Task requirements:
In the entries that follow, the line with "#165=IFCPRODUCTDEFINITIONSHAPE($,$,(#164));" opens the range and the line with "#172=IFCINDEXEDPOLYGONALFACE((3,4,8,7));" closes it; repeat that range exactly, both lines included.

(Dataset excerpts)
──────────────────────────────
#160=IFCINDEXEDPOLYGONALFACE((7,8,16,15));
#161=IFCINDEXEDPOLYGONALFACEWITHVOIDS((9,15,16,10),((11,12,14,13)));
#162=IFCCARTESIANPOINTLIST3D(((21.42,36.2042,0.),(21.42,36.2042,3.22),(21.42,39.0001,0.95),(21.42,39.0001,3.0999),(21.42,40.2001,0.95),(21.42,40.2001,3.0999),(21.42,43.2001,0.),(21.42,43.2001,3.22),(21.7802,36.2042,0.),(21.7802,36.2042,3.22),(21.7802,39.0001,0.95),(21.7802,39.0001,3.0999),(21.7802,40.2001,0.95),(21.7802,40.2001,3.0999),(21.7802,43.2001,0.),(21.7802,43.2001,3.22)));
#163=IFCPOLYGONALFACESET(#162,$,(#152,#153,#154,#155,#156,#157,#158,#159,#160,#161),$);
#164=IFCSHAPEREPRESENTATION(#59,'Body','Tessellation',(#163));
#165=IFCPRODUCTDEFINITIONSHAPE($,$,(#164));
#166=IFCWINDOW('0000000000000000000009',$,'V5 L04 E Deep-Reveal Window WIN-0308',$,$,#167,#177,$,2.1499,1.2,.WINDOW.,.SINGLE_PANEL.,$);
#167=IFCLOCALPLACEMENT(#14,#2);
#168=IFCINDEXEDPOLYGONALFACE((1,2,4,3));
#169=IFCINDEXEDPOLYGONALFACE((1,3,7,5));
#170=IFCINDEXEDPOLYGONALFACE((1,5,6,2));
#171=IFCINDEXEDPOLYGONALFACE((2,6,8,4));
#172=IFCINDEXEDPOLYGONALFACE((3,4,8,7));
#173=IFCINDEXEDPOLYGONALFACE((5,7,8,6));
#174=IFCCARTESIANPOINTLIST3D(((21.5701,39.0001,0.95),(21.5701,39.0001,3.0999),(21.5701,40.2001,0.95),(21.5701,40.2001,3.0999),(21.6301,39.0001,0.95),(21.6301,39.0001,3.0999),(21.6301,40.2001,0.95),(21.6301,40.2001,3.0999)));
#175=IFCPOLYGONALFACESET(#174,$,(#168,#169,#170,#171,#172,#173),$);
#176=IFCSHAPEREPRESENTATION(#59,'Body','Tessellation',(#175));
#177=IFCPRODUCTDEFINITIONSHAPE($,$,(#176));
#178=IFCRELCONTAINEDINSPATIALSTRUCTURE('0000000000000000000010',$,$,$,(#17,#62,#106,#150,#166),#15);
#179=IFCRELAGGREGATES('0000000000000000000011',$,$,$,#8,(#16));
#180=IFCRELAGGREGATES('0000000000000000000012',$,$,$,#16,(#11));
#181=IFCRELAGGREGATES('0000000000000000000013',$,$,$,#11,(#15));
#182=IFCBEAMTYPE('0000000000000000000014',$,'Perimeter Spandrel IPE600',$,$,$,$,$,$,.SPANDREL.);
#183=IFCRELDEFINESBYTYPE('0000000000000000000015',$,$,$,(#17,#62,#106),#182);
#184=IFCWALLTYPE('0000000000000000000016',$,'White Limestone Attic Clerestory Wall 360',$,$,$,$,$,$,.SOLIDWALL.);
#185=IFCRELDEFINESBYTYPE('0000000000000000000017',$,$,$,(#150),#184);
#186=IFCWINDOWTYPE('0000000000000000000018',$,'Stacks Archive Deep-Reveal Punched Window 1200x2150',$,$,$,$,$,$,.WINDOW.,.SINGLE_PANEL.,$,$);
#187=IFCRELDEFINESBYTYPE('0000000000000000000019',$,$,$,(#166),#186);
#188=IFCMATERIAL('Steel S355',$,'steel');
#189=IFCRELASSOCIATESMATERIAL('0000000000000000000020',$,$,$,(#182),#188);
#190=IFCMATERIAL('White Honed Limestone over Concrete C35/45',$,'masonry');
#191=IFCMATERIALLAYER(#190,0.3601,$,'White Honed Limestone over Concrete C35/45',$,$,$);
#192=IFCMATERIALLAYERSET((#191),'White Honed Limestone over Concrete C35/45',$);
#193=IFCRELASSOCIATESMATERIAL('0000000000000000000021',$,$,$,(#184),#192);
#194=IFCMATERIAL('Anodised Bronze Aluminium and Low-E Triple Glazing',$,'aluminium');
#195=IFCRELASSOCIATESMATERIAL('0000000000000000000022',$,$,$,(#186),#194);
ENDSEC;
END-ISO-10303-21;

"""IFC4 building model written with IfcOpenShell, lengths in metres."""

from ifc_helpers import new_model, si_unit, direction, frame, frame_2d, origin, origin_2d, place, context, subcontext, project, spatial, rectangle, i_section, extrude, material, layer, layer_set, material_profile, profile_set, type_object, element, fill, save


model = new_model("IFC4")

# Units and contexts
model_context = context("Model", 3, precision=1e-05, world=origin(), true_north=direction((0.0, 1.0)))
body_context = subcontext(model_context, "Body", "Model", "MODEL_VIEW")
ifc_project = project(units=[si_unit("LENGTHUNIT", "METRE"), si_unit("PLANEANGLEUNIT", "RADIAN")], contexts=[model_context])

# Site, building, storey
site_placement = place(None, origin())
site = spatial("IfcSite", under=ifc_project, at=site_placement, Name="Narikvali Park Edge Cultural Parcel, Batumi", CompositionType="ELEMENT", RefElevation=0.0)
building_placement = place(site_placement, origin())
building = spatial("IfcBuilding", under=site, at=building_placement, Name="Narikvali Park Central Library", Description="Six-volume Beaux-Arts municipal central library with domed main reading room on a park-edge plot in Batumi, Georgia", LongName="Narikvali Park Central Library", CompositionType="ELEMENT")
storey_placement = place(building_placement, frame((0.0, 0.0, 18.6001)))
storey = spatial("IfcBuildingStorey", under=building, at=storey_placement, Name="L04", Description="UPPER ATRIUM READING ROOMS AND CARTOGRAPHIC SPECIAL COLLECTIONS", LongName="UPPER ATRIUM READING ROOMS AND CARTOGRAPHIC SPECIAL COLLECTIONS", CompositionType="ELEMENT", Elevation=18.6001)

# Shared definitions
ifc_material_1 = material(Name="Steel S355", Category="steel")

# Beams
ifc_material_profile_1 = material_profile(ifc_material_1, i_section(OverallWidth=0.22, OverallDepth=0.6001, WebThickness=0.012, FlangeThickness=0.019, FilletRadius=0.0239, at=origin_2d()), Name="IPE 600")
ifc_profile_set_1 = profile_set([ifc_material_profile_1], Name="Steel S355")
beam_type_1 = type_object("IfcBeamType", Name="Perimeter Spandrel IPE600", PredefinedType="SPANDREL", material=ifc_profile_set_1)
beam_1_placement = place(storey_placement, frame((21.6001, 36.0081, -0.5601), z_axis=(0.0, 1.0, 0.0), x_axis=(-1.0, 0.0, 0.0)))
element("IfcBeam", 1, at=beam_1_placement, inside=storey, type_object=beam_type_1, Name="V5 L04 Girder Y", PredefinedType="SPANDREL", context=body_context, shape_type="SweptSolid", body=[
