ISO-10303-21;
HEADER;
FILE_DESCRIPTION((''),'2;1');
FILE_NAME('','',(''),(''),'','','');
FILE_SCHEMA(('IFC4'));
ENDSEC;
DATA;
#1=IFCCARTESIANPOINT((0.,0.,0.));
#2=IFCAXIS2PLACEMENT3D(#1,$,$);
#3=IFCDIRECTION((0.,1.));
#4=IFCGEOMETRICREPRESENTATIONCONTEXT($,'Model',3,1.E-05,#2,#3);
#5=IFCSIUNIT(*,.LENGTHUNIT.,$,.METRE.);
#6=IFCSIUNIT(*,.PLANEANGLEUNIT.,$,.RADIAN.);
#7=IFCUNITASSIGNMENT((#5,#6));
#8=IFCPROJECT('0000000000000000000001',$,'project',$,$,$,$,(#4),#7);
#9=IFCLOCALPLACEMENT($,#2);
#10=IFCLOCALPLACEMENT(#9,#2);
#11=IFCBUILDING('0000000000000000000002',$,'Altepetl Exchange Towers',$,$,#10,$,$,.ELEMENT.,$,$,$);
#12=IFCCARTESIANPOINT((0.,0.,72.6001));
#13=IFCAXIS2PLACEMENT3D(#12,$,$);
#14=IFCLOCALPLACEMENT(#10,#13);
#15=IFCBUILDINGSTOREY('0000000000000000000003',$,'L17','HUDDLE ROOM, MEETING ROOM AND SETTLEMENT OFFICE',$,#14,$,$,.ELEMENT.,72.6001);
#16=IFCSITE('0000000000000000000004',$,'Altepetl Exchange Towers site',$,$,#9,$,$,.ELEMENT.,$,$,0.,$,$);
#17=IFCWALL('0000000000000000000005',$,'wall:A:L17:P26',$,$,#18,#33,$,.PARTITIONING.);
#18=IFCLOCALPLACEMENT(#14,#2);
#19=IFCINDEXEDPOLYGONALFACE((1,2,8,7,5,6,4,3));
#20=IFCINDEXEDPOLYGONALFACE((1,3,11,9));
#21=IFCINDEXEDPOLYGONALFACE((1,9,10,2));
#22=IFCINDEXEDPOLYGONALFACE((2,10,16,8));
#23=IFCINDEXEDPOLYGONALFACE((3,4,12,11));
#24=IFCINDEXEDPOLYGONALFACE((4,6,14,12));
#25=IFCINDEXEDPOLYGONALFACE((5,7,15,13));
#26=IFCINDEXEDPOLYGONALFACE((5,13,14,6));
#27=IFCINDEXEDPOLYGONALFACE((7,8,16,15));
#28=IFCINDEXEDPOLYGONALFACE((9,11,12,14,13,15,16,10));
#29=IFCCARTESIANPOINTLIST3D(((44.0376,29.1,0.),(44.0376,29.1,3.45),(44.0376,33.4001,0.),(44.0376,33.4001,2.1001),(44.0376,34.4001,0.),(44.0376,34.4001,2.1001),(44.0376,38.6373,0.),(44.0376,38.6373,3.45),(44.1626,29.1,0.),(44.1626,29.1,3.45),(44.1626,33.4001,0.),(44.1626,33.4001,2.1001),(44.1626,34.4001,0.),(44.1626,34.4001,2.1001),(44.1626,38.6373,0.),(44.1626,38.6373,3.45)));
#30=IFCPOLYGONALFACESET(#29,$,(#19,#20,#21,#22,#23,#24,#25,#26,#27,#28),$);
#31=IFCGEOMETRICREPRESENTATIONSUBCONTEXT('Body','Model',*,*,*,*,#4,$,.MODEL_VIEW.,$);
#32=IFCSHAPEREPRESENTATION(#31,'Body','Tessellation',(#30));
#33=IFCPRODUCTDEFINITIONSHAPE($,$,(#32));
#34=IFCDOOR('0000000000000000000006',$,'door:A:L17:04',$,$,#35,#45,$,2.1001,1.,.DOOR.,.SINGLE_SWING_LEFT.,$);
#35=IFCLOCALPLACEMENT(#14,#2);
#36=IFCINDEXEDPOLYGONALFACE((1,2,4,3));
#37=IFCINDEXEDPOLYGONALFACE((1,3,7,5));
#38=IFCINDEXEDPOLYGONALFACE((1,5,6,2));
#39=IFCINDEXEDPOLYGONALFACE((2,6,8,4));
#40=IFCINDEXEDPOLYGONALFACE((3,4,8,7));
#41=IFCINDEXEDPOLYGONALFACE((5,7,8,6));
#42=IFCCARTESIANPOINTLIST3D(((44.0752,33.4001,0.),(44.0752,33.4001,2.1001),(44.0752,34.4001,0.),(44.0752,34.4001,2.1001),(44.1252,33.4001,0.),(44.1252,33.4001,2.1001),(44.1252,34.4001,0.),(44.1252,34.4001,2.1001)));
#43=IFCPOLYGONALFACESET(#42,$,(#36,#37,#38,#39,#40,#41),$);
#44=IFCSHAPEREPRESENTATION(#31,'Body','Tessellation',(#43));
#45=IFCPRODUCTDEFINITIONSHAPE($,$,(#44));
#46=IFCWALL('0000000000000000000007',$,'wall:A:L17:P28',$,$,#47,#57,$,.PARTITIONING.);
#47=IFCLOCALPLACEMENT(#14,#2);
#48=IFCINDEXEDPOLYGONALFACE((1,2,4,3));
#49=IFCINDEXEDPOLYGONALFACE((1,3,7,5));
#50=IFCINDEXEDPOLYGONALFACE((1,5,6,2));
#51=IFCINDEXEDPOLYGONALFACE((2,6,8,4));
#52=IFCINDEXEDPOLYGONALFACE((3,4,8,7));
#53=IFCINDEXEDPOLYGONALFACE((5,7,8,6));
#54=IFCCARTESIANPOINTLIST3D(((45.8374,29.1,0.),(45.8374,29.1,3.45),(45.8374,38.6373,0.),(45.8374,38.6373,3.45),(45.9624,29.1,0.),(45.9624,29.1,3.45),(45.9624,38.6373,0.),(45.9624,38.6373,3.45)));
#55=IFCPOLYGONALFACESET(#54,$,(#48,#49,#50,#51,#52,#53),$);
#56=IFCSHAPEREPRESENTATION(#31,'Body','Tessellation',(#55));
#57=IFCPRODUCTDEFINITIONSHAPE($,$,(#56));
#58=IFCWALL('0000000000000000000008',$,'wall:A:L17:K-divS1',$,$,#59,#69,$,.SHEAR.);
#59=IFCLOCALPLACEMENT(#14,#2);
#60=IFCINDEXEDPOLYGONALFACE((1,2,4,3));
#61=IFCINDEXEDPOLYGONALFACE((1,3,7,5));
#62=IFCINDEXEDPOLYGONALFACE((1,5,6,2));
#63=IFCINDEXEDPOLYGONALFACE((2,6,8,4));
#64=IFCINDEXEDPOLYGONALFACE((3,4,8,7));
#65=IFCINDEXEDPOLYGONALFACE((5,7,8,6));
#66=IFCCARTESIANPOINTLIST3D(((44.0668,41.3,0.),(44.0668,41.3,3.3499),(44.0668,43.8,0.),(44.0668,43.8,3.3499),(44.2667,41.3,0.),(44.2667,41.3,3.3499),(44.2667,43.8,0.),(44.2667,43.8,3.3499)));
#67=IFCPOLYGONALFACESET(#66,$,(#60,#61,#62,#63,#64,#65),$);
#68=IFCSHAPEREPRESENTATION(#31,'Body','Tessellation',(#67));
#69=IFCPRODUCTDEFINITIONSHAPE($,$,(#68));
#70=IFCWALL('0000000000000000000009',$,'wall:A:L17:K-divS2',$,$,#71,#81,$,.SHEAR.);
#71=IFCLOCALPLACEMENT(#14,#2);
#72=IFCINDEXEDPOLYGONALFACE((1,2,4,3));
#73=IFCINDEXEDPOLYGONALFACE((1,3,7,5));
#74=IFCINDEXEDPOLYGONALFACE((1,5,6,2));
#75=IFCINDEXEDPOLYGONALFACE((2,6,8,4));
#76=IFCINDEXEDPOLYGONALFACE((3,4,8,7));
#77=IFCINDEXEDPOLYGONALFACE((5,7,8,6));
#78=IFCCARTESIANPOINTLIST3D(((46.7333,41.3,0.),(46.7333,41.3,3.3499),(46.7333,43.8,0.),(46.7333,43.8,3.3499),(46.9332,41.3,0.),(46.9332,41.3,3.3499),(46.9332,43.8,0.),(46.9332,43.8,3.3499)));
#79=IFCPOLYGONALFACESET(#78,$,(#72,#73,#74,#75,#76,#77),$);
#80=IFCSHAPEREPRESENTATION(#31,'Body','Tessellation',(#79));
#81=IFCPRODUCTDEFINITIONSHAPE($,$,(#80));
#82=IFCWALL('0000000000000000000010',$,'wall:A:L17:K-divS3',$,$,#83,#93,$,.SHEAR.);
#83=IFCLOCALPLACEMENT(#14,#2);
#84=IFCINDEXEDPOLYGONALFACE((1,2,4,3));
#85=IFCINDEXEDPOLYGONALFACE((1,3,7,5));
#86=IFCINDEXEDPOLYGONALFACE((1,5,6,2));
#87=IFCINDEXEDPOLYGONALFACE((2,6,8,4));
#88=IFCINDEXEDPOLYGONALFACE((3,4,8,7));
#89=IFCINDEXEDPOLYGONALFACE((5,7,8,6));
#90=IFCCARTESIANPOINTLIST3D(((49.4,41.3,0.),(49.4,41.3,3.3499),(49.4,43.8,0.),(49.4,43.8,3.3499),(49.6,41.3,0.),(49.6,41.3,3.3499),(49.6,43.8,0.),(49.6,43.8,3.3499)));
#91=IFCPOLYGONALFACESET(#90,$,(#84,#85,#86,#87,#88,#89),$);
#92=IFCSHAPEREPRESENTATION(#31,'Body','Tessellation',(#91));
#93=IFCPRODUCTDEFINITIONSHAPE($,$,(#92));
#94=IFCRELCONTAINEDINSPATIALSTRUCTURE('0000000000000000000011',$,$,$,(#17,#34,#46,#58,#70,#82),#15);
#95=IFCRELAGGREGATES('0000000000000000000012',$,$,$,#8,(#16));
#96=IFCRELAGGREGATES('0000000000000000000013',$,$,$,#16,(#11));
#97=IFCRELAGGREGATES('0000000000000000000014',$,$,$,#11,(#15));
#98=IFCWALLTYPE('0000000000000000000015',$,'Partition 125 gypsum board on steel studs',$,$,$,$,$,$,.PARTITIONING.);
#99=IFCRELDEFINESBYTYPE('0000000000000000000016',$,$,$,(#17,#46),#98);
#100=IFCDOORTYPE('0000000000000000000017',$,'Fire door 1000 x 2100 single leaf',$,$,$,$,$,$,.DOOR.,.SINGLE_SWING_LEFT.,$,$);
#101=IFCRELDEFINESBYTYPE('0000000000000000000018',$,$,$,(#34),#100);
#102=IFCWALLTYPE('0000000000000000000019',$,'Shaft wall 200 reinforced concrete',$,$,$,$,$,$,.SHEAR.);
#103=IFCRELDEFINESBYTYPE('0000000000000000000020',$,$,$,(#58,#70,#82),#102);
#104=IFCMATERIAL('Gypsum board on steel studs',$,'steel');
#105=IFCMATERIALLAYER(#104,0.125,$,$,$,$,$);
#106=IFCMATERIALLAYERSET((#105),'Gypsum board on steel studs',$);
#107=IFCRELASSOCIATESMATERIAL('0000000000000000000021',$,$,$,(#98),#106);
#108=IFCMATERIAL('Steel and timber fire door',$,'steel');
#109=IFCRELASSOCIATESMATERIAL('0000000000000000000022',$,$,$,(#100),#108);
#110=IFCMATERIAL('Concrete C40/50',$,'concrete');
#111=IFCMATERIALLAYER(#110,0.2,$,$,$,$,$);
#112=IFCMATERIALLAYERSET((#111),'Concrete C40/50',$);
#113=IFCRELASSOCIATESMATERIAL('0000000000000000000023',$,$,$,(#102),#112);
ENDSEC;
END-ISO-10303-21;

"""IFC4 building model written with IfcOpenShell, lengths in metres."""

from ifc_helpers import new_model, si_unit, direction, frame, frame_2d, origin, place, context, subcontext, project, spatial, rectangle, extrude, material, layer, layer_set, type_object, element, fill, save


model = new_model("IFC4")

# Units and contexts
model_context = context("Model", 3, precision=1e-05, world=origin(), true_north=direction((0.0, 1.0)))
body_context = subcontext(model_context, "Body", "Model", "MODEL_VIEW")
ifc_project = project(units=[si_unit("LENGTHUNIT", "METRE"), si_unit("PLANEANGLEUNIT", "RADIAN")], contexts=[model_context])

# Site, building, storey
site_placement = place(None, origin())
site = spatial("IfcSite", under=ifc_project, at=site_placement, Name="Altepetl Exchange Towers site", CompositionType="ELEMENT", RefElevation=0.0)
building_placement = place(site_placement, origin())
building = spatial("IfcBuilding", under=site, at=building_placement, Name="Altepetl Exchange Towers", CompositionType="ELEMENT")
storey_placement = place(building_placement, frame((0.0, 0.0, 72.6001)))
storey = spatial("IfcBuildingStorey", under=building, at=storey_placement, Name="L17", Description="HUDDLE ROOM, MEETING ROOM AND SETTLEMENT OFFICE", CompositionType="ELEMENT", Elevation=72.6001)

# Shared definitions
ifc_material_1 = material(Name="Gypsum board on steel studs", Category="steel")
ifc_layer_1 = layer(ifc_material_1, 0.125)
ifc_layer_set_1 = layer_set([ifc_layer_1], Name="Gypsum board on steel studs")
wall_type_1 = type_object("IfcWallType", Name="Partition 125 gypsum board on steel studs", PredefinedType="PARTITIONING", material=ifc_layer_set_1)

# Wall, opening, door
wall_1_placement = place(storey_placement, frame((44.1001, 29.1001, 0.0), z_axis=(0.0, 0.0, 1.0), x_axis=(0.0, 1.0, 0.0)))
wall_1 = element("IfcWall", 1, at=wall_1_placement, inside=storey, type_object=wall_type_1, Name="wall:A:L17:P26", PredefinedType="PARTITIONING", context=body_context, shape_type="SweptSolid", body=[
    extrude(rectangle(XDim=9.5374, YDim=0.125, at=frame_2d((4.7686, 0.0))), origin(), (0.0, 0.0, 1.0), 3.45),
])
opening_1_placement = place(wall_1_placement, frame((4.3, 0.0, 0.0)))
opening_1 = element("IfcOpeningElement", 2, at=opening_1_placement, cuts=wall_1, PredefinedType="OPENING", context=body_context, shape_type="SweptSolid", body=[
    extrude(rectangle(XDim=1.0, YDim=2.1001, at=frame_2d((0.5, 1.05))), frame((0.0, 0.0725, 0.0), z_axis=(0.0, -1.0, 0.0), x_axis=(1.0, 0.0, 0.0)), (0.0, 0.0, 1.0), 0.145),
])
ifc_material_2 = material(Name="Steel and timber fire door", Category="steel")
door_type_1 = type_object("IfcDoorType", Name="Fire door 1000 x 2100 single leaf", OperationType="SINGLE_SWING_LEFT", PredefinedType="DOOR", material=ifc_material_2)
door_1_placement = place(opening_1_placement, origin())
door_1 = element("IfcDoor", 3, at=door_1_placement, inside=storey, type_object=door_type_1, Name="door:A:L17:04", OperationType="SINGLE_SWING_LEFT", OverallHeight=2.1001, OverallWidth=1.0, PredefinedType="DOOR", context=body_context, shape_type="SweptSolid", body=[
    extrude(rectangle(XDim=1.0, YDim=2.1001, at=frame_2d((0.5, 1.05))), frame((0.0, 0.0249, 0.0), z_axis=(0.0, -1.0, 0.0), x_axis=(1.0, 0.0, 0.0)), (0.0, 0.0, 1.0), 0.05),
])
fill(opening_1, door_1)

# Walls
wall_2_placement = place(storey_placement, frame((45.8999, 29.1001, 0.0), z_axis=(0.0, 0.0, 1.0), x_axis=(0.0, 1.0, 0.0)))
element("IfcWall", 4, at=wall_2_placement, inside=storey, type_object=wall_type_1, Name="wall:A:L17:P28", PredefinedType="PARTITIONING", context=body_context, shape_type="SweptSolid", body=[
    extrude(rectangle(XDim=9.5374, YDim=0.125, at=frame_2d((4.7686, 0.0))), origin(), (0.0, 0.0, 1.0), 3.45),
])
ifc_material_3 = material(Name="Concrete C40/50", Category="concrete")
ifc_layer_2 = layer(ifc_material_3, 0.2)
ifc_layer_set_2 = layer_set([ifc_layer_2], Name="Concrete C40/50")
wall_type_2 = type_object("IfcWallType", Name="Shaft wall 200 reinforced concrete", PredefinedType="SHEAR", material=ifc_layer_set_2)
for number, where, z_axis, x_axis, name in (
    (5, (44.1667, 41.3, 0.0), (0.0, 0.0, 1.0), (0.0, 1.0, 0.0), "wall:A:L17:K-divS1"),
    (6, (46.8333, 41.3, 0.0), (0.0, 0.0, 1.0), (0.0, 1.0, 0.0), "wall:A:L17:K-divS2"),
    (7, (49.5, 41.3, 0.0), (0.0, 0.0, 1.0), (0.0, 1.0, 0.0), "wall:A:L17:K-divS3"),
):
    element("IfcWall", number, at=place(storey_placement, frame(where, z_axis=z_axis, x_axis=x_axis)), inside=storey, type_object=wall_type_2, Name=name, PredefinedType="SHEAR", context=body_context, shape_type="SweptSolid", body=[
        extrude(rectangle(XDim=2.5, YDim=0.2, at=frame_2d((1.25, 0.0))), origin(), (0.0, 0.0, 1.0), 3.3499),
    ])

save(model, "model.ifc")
──────────────────────────────
Result of this task:
#165=IFCPRODUCTDEFINITIONSHAPE($,$,(#164));
#166=IFCWINDOW('0000000000000000000009',$,'V5 L04 E Deep-Reveal Window WIN-0308',$,$,#167,#177,$,2.1499,1.2,.WINDOW.,.SINGLE_PANEL.,$);
#167=IFCLOCALPLACEMENT(#14,#2);
#168=IFCINDEXEDPOLYGONALFACE((1,2,4,3));
#169=IFCINDEXEDPOLYGONALFACE((1,3,7,5));
#170=IFCINDEXEDPOLYGONALFACE((1,5,6,2));
#171=IFCINDEXEDPOLYGONALFACE((2,6,8,4));
#172=IFCINDEXEDPOLYGONALFACE((3,4,8,7));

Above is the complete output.